§ **ABOUT THIS EXERCISE**
From the line with "storey_placement = place(building_placement, origin())" down to the final line of the material below, quote every line exactly and leave out all lines before it.

[Opening SUPPLIED DATA section]

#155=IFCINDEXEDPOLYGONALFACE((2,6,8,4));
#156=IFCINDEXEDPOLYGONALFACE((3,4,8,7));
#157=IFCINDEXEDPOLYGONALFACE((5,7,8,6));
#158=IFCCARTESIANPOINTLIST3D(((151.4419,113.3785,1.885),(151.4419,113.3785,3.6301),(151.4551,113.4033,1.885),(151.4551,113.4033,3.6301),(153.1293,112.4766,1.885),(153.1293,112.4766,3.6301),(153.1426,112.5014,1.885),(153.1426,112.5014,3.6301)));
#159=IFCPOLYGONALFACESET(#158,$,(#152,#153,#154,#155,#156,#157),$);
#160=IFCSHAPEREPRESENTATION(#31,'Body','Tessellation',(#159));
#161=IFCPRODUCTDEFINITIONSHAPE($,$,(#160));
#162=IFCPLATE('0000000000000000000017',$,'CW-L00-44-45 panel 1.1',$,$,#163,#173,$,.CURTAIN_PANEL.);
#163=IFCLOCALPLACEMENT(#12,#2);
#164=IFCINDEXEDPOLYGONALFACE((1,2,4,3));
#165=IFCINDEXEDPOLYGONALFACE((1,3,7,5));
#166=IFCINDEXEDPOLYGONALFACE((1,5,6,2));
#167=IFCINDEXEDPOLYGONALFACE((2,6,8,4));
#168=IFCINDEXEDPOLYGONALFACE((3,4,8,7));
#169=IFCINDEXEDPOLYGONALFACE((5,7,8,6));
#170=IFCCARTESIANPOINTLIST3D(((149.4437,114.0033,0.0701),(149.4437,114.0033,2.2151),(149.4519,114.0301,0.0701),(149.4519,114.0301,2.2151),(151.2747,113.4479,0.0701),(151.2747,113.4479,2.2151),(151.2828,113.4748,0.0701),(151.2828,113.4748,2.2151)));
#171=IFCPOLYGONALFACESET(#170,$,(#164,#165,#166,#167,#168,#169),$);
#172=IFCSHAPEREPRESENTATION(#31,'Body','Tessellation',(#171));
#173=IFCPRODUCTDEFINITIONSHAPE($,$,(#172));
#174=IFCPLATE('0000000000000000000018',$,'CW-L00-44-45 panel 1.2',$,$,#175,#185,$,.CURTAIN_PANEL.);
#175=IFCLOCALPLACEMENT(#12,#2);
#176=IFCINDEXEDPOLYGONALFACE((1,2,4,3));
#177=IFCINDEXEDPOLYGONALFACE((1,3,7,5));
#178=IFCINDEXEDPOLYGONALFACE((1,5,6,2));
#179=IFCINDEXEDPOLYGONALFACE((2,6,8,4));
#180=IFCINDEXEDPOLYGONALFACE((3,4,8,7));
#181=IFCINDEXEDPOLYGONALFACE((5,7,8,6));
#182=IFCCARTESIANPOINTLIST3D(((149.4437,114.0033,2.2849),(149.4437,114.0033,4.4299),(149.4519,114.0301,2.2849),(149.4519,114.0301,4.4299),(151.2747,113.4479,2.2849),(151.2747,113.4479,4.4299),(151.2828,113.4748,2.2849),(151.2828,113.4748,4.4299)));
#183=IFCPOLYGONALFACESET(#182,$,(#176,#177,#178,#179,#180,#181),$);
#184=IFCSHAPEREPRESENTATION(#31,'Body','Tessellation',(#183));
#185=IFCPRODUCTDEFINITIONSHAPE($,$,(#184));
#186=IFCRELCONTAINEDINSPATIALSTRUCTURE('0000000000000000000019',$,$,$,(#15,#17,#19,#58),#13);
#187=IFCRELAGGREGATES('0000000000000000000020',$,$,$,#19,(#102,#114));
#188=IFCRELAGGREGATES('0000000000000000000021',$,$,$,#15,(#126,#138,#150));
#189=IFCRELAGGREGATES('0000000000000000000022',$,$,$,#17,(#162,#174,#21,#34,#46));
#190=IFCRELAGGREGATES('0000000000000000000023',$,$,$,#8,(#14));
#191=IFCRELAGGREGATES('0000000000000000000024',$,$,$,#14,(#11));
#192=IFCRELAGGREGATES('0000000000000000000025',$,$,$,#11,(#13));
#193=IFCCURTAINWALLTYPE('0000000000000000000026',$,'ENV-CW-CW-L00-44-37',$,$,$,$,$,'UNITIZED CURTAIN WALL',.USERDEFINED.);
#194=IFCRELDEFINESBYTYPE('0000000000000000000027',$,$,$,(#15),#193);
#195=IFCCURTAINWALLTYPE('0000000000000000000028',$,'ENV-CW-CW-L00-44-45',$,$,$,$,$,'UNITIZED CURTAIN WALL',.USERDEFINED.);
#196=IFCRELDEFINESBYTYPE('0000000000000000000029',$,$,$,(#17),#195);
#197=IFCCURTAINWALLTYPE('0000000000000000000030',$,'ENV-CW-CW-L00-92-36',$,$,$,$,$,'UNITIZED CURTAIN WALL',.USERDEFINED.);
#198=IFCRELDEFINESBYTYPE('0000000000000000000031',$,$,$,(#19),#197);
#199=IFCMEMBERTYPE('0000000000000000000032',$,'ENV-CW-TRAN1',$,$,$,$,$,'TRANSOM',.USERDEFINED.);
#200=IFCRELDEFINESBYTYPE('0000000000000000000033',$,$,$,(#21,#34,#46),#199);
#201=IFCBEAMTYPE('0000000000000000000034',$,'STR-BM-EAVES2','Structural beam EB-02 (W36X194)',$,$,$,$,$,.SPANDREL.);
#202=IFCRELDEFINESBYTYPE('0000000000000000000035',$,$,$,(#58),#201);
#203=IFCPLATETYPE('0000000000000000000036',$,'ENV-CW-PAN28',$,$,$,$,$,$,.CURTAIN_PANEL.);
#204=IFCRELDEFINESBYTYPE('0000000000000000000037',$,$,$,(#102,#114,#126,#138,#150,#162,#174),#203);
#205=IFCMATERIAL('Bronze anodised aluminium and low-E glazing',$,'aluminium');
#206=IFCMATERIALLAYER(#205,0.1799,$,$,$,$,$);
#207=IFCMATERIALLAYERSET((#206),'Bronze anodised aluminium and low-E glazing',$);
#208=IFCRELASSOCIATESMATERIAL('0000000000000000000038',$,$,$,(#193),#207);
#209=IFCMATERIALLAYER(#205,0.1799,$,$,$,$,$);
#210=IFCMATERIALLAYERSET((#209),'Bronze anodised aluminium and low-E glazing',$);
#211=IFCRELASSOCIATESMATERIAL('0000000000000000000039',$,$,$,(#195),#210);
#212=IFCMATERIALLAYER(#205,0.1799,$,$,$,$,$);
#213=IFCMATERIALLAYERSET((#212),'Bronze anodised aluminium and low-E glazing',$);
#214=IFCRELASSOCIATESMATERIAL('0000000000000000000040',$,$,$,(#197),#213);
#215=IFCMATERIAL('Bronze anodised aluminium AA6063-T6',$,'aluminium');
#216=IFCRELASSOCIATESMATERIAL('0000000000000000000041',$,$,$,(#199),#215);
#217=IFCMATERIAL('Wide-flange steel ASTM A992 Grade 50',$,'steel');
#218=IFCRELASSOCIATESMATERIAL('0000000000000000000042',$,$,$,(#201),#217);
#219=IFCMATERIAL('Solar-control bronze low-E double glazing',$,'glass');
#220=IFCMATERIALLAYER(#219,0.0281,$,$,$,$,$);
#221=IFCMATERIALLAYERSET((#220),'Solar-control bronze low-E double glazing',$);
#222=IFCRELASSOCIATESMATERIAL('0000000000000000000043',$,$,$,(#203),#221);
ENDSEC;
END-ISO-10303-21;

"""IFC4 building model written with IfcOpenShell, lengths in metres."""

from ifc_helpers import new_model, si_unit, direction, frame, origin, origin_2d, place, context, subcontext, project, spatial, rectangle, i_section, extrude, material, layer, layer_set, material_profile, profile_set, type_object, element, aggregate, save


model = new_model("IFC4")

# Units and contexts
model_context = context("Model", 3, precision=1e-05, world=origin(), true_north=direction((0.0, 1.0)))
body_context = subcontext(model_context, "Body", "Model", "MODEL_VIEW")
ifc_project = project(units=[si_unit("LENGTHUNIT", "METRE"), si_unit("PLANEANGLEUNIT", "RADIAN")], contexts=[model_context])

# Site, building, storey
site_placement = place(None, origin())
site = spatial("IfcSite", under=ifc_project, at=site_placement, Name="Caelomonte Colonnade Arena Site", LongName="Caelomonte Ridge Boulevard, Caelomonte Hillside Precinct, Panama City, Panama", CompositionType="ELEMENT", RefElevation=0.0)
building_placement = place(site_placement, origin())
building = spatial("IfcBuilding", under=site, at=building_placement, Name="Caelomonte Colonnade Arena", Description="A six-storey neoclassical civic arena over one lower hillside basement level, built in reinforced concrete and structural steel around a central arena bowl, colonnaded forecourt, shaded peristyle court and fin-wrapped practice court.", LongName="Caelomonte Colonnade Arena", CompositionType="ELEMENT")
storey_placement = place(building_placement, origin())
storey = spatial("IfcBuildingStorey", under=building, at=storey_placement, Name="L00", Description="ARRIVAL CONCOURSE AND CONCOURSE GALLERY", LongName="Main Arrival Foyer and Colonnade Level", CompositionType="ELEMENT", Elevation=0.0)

[Closing SUPPLIED DATA section]

§ **WRITTEN ANSWER**
storey_placement = place(building_placement, origin())
storey = spatial("IfcBuildingStorey", under=building, at=storey_placement, Name="L00", Description="ARRIVAL CONCOURSE AND CONCOURSE GALLERY", LongName="Main Arrival Foyer and Colonnade Level", CompositionType="ELEMENT", Elevation=0.0)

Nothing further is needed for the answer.